Exercise requirements
The answer must be every line below that holds the word "IFCRELAGGREGATES".

Extracted data
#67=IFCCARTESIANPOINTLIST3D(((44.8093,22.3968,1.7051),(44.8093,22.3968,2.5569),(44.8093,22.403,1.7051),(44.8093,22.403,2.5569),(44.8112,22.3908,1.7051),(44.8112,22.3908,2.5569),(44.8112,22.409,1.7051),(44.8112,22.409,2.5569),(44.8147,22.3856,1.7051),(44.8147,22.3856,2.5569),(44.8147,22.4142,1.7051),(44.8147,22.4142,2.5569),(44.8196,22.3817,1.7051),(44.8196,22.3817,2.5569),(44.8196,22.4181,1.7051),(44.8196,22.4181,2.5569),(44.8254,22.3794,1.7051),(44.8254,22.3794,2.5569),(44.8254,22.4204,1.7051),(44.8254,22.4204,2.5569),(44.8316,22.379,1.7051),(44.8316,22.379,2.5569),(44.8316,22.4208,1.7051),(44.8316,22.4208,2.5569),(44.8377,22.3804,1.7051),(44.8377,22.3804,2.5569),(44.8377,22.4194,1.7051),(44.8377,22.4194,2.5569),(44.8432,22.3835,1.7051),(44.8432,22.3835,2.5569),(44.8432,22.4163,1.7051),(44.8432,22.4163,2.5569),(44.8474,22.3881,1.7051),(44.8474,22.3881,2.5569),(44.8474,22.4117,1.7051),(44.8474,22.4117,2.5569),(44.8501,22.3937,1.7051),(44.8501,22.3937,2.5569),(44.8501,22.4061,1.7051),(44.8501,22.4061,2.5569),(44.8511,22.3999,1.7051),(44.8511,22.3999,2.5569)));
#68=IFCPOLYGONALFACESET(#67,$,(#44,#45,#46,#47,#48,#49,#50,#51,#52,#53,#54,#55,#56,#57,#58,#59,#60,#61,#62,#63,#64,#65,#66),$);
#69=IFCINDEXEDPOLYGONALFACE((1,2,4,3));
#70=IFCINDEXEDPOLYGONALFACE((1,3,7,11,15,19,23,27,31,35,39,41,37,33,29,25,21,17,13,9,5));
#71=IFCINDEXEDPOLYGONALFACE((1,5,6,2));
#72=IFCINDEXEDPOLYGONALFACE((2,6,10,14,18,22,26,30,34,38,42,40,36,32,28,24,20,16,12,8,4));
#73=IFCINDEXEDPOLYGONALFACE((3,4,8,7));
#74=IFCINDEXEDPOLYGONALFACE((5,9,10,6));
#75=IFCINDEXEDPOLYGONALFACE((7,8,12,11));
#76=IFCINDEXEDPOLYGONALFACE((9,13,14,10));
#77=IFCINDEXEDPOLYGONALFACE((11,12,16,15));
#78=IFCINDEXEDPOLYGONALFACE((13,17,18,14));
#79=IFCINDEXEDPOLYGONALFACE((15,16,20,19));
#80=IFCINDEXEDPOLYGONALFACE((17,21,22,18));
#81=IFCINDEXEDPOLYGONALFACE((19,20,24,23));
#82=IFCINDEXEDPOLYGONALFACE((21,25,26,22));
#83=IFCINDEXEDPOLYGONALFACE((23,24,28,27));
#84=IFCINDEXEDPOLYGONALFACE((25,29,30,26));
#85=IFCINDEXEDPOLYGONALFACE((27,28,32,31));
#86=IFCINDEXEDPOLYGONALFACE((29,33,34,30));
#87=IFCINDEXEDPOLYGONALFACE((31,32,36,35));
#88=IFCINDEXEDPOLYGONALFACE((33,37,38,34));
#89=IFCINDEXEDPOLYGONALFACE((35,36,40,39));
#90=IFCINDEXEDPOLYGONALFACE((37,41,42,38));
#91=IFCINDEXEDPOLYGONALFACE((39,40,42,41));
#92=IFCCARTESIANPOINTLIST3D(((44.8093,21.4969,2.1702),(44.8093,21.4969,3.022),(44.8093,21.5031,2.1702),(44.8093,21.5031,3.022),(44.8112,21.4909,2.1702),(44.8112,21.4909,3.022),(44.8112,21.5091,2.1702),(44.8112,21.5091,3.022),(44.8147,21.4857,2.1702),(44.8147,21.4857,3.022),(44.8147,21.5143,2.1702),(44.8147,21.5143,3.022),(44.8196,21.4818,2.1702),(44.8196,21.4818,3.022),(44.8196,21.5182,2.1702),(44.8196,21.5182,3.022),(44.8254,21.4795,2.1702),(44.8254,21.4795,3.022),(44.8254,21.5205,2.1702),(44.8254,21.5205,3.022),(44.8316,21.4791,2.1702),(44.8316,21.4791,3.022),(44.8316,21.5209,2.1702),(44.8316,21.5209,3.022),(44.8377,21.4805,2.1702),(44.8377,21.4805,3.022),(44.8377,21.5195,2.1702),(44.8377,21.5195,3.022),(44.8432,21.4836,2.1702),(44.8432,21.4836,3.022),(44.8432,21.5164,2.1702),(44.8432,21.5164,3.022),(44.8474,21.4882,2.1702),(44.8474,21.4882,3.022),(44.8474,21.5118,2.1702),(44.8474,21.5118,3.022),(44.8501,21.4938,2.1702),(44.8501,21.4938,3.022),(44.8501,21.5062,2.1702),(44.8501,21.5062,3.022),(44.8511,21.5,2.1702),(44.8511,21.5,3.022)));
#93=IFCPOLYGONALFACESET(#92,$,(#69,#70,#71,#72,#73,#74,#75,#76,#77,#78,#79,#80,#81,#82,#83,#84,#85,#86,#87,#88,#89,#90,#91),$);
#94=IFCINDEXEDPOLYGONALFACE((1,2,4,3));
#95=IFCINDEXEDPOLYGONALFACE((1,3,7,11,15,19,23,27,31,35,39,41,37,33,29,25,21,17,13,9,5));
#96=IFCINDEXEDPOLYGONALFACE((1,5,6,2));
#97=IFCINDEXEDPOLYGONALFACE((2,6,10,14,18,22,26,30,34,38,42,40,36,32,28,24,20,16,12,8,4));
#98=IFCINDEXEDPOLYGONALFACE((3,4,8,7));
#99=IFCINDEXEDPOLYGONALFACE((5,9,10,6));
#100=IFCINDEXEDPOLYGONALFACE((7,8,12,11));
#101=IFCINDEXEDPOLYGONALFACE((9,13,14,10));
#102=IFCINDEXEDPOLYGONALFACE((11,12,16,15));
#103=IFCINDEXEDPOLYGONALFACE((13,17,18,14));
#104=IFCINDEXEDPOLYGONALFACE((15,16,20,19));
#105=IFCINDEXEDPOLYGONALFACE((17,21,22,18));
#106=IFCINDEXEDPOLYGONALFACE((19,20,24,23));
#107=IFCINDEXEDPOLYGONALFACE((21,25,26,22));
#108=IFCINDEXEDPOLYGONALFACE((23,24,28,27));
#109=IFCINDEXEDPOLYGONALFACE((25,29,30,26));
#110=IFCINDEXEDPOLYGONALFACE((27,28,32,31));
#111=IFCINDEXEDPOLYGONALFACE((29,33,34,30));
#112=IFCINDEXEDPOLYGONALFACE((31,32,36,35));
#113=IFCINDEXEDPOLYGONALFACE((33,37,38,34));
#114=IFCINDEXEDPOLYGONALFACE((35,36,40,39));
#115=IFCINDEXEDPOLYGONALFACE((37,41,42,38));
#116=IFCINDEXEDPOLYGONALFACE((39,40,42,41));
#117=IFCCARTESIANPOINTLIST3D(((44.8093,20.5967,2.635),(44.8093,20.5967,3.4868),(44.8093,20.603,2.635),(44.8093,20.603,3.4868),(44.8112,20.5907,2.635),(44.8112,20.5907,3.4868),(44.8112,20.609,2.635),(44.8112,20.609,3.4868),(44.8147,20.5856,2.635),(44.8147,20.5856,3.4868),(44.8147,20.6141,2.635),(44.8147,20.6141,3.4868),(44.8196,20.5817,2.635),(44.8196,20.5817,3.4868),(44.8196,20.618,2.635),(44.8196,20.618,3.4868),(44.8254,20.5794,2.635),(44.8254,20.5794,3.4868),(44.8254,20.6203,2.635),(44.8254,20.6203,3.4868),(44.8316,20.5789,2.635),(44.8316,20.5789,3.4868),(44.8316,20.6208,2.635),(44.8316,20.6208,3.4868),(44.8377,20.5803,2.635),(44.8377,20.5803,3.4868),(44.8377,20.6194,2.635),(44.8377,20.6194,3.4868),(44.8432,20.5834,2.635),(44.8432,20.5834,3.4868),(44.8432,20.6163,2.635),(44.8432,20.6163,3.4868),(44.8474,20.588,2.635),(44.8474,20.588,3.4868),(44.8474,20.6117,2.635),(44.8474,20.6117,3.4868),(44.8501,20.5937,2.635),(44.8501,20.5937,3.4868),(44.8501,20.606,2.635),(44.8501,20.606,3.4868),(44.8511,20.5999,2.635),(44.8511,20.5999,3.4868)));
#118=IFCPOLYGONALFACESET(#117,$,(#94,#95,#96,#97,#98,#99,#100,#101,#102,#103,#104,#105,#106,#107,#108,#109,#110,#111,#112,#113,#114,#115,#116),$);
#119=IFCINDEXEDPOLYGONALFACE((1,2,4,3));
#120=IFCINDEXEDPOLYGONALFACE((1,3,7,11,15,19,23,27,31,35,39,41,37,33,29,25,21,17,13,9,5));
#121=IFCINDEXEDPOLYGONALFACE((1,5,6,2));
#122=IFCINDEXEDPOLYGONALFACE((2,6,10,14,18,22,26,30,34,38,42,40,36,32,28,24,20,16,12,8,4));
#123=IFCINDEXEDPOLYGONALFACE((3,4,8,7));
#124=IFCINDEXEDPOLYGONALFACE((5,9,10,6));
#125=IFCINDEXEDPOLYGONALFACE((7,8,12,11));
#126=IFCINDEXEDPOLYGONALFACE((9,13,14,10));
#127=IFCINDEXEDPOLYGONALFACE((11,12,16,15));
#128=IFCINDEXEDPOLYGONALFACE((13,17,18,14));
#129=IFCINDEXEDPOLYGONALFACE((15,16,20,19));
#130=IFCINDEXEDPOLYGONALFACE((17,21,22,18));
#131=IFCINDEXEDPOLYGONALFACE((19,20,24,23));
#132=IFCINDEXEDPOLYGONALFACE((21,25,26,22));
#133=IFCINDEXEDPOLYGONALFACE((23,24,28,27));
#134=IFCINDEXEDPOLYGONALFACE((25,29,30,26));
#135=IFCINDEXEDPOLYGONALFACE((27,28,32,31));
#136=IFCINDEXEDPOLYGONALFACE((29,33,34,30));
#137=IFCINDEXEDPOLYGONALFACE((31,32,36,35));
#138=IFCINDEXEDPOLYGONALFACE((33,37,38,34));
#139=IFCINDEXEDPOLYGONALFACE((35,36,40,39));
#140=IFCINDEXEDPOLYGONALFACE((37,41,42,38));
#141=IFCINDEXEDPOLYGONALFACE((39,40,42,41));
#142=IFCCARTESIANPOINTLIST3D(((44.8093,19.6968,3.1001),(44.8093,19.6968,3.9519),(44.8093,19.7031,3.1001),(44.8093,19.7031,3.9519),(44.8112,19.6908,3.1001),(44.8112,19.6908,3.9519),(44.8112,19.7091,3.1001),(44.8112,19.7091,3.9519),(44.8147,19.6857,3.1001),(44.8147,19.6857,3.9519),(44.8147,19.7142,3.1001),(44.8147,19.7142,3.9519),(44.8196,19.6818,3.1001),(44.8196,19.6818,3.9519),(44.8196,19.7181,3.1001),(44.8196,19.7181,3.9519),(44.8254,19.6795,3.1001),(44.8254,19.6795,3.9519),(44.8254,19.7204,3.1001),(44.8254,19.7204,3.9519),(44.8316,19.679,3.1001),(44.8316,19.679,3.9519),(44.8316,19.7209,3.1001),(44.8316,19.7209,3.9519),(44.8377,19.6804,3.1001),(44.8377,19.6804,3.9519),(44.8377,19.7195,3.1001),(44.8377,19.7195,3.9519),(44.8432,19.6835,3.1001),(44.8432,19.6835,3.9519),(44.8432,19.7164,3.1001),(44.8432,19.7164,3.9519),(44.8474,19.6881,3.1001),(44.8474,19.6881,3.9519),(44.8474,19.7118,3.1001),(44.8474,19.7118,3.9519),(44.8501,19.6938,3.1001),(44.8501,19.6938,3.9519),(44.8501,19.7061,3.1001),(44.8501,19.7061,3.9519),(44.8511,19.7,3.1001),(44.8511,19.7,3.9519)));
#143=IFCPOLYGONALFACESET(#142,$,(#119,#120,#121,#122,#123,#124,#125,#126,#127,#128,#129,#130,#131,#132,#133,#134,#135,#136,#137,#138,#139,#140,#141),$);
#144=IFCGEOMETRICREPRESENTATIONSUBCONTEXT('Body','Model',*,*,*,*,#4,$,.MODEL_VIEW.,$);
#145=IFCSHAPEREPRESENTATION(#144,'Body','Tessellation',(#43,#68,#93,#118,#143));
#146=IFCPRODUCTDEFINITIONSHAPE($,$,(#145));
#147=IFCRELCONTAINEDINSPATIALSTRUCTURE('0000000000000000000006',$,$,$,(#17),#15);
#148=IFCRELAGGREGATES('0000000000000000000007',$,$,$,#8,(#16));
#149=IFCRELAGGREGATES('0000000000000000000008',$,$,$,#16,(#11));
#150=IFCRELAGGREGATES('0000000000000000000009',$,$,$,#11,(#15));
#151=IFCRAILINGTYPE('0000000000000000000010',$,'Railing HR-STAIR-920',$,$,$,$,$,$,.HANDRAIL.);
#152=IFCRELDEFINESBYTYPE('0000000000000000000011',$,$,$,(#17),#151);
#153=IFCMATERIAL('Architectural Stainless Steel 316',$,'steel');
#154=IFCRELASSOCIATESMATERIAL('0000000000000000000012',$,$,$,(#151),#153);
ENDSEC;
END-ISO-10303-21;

Task output
#148=IFCRELAGGREGATES('0000000000000000000007',$,$,$,#8,(#16));
#149=IFCRELAGGREGATES('0000000000000000000008',$,$,$,#16,(#11));
#150=IFCRELAGGREGATES('0000000000000000000009',$,$,$,#11,(#15));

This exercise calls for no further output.